_YOUR ASSIGNMENT_: Up to and including the line with "building model written", output the records exactly as they appear.

_Saved data entries_:
══════════

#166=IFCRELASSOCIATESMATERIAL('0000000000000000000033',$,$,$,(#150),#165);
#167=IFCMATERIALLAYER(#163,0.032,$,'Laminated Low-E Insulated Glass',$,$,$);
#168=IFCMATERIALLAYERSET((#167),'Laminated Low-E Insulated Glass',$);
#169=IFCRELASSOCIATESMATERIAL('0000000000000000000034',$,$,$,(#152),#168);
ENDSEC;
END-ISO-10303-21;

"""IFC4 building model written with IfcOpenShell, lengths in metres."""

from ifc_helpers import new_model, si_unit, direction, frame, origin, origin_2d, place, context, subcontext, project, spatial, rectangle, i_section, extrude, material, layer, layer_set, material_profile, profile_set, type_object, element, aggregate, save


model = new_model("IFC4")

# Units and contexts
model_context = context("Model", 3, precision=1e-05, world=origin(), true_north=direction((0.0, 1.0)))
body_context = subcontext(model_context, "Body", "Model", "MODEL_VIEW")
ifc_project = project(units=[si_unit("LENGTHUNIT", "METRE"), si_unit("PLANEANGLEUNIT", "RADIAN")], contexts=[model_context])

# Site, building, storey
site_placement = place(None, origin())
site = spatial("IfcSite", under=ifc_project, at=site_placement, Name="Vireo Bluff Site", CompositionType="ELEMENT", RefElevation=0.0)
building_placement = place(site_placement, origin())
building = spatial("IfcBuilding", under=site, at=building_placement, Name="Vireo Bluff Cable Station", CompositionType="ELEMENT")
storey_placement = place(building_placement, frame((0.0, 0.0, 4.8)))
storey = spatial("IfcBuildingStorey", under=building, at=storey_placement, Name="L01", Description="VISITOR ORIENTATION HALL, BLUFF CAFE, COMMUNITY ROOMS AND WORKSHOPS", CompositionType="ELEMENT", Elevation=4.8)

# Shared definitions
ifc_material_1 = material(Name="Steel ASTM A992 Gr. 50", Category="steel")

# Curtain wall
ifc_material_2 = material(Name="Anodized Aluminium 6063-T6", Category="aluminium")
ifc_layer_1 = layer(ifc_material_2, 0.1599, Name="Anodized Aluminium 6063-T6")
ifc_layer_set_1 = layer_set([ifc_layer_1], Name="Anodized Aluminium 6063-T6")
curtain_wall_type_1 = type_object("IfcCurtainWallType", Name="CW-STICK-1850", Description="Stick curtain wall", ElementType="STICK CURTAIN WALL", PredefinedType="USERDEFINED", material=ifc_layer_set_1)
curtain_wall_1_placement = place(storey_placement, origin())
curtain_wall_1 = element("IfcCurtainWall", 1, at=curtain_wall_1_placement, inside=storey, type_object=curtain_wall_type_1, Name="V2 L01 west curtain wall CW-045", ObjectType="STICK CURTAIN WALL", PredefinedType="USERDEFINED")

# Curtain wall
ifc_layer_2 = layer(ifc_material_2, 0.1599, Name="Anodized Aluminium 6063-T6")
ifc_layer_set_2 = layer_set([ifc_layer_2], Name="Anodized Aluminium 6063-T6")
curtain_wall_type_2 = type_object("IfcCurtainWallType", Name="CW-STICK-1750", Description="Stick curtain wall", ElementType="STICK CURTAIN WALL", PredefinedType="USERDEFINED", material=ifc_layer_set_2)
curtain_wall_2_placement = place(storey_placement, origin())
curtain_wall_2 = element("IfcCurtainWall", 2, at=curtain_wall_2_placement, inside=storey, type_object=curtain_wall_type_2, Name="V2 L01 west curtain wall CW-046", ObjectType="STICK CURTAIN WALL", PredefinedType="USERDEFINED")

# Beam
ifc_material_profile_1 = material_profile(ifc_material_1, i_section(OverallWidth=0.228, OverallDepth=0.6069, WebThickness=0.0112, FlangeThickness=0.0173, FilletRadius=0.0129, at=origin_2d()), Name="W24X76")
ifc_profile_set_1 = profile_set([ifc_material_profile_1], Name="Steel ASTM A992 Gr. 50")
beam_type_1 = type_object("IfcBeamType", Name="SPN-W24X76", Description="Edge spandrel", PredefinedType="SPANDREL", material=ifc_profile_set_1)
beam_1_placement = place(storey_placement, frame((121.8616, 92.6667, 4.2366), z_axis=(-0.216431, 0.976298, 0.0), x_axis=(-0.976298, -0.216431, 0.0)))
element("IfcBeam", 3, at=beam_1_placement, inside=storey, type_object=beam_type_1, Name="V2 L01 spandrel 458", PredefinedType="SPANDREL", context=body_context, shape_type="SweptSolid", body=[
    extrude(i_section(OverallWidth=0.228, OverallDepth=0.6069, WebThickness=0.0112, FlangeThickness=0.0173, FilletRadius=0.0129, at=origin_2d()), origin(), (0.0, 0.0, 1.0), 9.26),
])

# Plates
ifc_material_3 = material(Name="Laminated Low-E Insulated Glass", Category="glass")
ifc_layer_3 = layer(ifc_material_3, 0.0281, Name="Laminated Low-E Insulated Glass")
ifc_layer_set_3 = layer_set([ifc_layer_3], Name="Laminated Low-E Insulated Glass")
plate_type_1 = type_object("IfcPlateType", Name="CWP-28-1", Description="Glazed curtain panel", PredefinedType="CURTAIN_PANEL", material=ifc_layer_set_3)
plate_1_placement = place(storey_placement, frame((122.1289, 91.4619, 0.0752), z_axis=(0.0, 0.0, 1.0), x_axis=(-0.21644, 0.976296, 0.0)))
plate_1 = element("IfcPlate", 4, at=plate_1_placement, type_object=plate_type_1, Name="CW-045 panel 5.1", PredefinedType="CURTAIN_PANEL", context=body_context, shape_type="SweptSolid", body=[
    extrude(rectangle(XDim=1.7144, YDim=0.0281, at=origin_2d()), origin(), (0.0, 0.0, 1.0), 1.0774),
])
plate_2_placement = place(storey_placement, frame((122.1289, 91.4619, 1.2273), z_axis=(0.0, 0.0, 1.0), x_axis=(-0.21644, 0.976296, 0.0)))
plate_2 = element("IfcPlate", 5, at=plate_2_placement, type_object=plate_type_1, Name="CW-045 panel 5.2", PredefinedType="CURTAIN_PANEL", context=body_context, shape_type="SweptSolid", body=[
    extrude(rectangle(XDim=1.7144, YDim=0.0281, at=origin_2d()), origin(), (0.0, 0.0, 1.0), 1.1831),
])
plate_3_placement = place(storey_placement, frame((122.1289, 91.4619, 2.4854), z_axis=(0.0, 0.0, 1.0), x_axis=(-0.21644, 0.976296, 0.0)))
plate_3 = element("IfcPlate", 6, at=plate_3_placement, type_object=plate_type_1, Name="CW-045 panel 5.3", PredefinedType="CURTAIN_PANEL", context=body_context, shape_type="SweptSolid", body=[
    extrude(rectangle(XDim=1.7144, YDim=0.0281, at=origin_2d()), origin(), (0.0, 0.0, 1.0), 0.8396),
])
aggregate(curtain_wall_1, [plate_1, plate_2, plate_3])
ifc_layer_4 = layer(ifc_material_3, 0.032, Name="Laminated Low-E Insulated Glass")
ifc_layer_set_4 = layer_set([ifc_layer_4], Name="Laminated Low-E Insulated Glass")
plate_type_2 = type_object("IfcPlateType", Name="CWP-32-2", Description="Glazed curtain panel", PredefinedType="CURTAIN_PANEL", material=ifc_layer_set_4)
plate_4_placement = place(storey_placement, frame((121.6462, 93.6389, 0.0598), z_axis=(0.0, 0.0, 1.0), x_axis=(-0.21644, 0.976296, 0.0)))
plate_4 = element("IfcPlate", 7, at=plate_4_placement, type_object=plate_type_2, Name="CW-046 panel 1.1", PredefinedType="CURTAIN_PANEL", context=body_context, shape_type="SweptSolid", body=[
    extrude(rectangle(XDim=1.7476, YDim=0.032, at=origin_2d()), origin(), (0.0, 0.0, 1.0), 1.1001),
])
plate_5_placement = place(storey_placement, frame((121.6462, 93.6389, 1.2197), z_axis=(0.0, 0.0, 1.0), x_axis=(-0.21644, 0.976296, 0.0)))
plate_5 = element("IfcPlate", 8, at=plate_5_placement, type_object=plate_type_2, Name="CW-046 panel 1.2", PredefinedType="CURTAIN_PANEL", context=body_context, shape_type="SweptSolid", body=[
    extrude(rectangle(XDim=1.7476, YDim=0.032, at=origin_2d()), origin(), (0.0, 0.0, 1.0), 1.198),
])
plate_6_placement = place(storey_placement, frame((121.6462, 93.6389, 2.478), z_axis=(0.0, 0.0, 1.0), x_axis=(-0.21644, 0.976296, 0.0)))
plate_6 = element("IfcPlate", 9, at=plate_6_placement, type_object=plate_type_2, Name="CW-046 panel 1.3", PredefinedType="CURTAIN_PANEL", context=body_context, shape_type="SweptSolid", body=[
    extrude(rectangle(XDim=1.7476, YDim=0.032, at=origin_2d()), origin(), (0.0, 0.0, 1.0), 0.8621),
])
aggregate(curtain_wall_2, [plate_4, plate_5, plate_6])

══════════

_TASK ANSWER_:
#166=IFCRELASSOCIATESMATERIAL('0000000000000000000033',$,$,$,(#150),#165);
#167=IFCMATERIALLAYER(#163,0.032,$,'Laminated Low-E Insulated Glass',$,$,$);
#168=IFCMATERIALLAYERSET((#167),'Laminated Low-E Insulated Glass',$);
#169=IFCRELASSOCIATESMATERIAL('0000000000000000000034',$,$,$,(#152),#168);
ENDSEC;
END-ISO-10303-21;

"""IFC4 building model written with IfcOpenShell, lengths in metres."""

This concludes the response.